### Task statement:
Your answer should consist of the lines in the following data that contain "laminated".

### Supplied data:
↓

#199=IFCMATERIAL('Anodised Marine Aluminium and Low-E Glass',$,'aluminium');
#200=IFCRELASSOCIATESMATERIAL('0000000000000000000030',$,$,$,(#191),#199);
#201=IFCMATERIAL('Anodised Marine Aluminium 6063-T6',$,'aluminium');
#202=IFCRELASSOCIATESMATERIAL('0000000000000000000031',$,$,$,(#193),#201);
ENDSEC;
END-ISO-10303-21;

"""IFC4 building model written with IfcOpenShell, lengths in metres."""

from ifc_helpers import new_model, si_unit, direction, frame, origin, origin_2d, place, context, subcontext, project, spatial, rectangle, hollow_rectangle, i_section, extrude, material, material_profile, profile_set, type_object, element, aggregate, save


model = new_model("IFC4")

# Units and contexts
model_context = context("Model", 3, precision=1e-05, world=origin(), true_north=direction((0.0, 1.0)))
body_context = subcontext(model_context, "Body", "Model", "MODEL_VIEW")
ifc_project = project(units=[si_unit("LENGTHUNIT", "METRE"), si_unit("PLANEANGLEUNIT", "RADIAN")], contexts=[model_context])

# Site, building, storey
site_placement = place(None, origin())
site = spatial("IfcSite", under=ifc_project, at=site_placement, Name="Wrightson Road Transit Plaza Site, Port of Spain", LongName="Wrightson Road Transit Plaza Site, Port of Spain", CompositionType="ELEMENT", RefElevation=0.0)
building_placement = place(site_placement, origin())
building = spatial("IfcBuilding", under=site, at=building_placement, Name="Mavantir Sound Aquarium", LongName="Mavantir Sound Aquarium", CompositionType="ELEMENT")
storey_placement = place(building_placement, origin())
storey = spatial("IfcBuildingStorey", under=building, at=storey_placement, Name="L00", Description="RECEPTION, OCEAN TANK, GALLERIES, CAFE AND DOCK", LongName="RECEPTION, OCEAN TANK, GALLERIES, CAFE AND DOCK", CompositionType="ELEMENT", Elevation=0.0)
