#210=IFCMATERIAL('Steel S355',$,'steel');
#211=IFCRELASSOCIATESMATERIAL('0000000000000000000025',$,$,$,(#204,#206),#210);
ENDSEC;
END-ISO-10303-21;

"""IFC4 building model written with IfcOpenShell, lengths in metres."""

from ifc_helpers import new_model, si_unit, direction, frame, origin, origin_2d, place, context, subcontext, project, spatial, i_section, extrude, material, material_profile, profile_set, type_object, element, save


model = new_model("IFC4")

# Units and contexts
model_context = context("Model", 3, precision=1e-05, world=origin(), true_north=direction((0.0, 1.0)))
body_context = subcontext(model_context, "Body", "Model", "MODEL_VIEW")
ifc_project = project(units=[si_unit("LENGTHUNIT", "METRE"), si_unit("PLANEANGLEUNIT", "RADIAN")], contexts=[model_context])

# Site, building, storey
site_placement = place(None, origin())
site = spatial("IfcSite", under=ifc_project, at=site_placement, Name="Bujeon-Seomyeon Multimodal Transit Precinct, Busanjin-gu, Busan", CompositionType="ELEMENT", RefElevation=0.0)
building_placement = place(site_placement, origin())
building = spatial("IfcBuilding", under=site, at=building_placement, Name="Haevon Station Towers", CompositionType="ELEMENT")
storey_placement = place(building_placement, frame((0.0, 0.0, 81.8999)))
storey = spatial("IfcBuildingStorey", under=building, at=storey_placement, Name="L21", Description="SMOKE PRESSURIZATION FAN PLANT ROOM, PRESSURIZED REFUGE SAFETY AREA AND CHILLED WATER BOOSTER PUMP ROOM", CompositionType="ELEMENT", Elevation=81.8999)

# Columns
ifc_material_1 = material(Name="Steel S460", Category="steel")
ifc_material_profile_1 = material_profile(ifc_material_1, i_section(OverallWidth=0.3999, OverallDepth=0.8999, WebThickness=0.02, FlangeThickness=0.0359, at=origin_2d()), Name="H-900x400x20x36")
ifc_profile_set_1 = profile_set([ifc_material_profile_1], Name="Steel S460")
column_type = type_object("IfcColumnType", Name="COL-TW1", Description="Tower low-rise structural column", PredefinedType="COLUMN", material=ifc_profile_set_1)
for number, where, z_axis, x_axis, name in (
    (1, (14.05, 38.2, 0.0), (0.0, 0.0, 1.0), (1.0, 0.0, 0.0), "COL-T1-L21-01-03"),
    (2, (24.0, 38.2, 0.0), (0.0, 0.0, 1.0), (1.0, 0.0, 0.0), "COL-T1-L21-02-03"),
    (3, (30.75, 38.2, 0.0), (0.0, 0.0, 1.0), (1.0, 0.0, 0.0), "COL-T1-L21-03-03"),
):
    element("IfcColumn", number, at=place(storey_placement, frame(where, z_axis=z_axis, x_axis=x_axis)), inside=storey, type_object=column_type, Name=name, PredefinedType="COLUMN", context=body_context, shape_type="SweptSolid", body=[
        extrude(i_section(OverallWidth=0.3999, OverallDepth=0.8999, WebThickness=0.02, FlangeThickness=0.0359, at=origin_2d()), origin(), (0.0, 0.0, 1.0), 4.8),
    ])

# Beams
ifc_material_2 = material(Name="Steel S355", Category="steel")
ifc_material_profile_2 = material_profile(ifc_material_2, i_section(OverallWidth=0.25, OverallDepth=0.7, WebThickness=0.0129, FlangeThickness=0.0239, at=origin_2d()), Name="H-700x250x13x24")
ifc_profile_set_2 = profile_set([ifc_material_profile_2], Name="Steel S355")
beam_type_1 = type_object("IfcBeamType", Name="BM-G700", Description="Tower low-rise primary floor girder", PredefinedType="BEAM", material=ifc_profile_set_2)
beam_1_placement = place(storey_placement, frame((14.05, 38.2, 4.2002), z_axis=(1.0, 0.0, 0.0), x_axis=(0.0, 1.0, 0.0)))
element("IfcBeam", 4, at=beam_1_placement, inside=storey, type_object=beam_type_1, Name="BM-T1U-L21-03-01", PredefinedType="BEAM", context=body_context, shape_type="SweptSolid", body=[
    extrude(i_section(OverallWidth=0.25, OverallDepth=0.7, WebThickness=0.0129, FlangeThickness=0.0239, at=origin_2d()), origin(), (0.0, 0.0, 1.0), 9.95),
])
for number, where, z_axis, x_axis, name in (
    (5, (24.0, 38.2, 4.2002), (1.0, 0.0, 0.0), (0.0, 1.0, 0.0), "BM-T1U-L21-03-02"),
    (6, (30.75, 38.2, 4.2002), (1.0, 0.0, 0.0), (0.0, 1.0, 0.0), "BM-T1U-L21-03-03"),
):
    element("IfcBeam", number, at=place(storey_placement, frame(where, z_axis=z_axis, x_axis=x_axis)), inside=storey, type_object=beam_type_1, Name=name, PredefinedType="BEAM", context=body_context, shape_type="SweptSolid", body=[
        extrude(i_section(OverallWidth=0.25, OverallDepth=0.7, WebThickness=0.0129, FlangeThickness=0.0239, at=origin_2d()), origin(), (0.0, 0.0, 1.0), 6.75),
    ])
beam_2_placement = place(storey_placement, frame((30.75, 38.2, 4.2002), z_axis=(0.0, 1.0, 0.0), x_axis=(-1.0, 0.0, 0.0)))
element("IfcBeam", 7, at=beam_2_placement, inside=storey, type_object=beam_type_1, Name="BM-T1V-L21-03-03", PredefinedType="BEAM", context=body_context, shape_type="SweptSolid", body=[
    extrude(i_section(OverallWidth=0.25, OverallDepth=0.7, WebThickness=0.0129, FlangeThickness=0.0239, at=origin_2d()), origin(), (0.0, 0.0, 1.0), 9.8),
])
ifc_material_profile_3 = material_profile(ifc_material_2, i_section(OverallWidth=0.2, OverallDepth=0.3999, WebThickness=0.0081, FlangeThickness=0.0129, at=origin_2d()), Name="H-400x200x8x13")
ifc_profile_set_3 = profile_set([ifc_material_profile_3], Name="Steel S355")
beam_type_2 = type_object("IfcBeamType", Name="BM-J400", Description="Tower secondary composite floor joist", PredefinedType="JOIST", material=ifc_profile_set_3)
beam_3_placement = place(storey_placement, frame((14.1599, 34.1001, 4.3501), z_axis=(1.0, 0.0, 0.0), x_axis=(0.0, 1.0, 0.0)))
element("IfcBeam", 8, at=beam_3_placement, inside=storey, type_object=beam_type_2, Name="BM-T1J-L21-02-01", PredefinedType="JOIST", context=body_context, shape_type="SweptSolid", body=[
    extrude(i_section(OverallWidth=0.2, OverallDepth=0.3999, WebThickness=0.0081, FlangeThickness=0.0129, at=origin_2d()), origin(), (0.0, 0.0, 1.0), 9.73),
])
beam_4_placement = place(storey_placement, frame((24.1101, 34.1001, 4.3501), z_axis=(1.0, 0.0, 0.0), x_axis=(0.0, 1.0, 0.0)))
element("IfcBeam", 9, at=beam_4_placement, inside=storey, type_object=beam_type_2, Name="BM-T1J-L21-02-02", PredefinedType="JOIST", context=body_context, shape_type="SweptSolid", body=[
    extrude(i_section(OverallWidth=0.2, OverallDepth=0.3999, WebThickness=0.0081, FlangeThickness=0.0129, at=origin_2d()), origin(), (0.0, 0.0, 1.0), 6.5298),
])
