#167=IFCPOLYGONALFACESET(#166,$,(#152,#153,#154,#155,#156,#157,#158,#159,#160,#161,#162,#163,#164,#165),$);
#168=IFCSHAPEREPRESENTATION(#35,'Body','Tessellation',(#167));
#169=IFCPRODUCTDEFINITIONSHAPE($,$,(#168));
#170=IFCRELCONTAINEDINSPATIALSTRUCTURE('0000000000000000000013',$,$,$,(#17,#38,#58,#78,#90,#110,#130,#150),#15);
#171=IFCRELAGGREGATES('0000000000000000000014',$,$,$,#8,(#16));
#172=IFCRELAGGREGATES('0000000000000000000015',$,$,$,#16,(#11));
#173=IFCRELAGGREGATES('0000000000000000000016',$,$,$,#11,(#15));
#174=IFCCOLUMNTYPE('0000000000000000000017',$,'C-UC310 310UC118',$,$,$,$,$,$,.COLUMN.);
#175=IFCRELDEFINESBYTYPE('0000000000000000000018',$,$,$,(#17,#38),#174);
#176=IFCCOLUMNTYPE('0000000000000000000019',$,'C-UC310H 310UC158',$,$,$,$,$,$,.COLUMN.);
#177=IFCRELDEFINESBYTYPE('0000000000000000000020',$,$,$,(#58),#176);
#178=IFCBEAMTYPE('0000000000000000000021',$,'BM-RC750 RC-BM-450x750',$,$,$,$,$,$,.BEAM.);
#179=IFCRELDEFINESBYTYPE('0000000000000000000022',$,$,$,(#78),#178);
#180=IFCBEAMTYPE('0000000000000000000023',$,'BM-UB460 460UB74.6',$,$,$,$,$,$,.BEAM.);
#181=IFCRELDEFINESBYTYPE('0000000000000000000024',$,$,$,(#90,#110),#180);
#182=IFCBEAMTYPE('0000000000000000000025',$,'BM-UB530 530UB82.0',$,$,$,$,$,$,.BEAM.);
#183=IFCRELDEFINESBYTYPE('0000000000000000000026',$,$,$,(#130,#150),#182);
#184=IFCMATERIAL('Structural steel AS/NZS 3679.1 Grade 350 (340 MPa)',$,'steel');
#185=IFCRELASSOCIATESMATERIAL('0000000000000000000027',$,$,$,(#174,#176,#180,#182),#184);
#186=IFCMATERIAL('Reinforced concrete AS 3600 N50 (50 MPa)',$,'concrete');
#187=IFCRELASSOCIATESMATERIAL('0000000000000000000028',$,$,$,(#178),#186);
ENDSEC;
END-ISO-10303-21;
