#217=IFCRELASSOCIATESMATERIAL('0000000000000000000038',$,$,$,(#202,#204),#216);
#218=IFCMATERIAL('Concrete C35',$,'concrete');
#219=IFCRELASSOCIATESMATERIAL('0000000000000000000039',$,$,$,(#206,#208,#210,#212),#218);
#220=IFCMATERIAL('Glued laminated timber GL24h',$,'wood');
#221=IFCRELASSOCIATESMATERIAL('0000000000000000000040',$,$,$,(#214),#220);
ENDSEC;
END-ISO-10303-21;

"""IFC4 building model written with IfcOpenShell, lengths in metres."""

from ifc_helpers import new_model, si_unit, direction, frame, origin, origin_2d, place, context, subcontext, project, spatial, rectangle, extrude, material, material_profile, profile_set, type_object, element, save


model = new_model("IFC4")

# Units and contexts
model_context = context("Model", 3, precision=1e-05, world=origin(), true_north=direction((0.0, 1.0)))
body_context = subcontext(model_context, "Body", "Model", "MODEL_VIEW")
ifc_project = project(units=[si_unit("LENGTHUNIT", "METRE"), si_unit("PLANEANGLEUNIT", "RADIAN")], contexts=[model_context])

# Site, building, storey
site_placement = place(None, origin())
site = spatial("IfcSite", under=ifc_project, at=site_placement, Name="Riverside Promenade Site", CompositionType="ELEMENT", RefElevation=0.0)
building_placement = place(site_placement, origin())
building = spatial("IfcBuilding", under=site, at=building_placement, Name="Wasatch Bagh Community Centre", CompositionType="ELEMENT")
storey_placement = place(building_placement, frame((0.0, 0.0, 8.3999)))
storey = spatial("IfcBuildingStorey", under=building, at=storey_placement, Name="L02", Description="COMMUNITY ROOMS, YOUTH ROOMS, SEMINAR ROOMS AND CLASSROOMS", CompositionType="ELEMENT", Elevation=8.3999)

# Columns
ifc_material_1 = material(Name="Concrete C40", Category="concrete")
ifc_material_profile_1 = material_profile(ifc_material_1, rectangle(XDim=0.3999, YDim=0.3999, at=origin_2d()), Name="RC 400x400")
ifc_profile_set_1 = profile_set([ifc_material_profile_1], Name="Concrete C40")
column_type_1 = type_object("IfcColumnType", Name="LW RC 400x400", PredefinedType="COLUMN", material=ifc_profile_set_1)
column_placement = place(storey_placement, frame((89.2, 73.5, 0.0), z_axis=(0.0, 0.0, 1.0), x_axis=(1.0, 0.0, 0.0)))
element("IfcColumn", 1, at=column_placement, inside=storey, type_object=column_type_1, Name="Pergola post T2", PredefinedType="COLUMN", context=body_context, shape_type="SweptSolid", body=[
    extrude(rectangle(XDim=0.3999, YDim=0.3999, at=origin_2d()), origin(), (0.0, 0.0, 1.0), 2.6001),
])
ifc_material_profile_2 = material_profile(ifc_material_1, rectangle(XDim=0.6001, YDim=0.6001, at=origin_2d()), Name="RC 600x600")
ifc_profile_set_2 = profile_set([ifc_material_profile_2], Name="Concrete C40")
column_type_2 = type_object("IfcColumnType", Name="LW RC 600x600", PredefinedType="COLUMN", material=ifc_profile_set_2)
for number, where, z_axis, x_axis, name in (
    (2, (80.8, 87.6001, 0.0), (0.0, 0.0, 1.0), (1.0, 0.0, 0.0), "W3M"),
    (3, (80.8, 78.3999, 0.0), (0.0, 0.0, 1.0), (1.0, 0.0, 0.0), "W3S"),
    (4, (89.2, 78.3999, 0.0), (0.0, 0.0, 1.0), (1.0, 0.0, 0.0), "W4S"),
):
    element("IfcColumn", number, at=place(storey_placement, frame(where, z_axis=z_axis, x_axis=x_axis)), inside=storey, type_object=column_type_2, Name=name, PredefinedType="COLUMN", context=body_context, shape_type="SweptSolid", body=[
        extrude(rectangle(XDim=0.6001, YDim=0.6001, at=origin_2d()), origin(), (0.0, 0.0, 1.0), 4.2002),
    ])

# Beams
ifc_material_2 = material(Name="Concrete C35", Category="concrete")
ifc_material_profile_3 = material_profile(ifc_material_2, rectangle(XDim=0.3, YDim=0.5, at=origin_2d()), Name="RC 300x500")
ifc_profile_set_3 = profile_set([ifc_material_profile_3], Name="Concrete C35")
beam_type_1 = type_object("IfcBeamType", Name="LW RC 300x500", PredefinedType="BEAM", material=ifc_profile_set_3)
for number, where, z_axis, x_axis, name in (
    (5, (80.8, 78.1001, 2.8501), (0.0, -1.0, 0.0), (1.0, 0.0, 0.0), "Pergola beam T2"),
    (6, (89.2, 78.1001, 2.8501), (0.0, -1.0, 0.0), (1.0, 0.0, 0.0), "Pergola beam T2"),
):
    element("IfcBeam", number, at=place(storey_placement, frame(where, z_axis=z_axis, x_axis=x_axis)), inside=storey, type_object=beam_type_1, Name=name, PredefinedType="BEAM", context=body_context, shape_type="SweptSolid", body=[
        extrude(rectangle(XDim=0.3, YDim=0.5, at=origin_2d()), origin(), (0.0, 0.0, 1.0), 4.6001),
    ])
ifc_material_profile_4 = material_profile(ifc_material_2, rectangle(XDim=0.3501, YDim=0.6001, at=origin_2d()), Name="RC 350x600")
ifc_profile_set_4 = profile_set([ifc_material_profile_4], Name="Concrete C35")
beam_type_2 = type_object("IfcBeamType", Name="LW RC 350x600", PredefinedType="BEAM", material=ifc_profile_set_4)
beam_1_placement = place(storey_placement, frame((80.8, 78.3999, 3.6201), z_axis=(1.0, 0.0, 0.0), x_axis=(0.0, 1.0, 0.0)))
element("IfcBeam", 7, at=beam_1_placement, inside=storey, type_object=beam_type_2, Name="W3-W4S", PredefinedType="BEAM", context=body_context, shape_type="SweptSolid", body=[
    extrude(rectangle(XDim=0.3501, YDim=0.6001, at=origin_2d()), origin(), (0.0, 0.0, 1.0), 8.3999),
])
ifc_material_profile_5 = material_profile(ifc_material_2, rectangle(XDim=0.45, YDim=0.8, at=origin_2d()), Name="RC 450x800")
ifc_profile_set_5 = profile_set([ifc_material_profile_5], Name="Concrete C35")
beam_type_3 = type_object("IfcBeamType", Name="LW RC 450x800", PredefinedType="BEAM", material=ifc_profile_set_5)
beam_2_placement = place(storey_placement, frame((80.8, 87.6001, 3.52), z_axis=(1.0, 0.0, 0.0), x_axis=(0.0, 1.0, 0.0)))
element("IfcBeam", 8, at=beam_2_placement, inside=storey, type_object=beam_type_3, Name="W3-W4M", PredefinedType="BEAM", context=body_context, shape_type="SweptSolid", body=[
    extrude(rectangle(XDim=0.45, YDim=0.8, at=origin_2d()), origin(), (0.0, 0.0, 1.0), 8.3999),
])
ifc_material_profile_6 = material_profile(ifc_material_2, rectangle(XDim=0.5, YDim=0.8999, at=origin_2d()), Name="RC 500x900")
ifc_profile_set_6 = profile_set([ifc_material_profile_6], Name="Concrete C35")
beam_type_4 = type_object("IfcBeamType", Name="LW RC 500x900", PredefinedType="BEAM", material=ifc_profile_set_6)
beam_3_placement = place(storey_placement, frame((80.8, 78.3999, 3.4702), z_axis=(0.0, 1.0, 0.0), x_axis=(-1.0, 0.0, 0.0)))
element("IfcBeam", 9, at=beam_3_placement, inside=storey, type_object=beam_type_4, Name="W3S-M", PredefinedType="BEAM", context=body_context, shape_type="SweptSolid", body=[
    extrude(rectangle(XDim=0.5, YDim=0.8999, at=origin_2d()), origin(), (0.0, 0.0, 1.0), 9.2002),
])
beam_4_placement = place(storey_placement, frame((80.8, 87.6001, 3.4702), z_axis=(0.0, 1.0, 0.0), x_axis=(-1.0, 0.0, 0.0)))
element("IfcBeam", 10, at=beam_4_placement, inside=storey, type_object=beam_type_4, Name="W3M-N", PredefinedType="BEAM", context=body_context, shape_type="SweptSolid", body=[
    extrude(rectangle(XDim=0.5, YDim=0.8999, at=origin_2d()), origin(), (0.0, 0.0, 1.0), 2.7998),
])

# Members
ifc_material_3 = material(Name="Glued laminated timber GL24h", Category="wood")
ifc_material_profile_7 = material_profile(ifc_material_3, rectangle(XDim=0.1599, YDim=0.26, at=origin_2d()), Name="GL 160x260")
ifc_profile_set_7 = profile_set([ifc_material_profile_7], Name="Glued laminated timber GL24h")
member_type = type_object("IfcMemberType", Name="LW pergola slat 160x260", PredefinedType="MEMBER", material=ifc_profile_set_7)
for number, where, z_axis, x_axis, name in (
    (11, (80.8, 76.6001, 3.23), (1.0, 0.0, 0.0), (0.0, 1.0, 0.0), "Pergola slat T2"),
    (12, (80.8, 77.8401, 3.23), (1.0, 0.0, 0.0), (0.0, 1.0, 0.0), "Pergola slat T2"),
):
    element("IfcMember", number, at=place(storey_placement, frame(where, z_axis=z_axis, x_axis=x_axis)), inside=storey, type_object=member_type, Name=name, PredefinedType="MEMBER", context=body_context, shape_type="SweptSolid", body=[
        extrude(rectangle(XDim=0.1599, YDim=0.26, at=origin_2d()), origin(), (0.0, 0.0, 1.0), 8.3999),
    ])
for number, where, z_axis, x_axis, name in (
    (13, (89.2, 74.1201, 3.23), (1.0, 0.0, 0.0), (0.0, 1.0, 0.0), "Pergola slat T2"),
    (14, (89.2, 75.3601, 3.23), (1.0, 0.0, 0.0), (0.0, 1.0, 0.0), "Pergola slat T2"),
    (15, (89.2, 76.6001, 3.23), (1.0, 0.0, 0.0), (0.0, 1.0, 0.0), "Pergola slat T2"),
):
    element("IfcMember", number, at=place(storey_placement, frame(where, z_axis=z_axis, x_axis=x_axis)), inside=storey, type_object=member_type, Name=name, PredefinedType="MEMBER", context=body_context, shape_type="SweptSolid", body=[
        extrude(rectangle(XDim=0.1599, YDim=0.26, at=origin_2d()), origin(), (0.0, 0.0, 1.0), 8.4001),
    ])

↑

### Expected answer:
#220=IFCMATERIAL('Glued laminated timber GL24h',$,'wood');
ifc_material_3 = material(Name="Glued laminated timber GL24h", Category="wood")
ifc_profile_set_7 = profile_set([ifc_material_profile_7], Name="Glued laminated timber GL24h")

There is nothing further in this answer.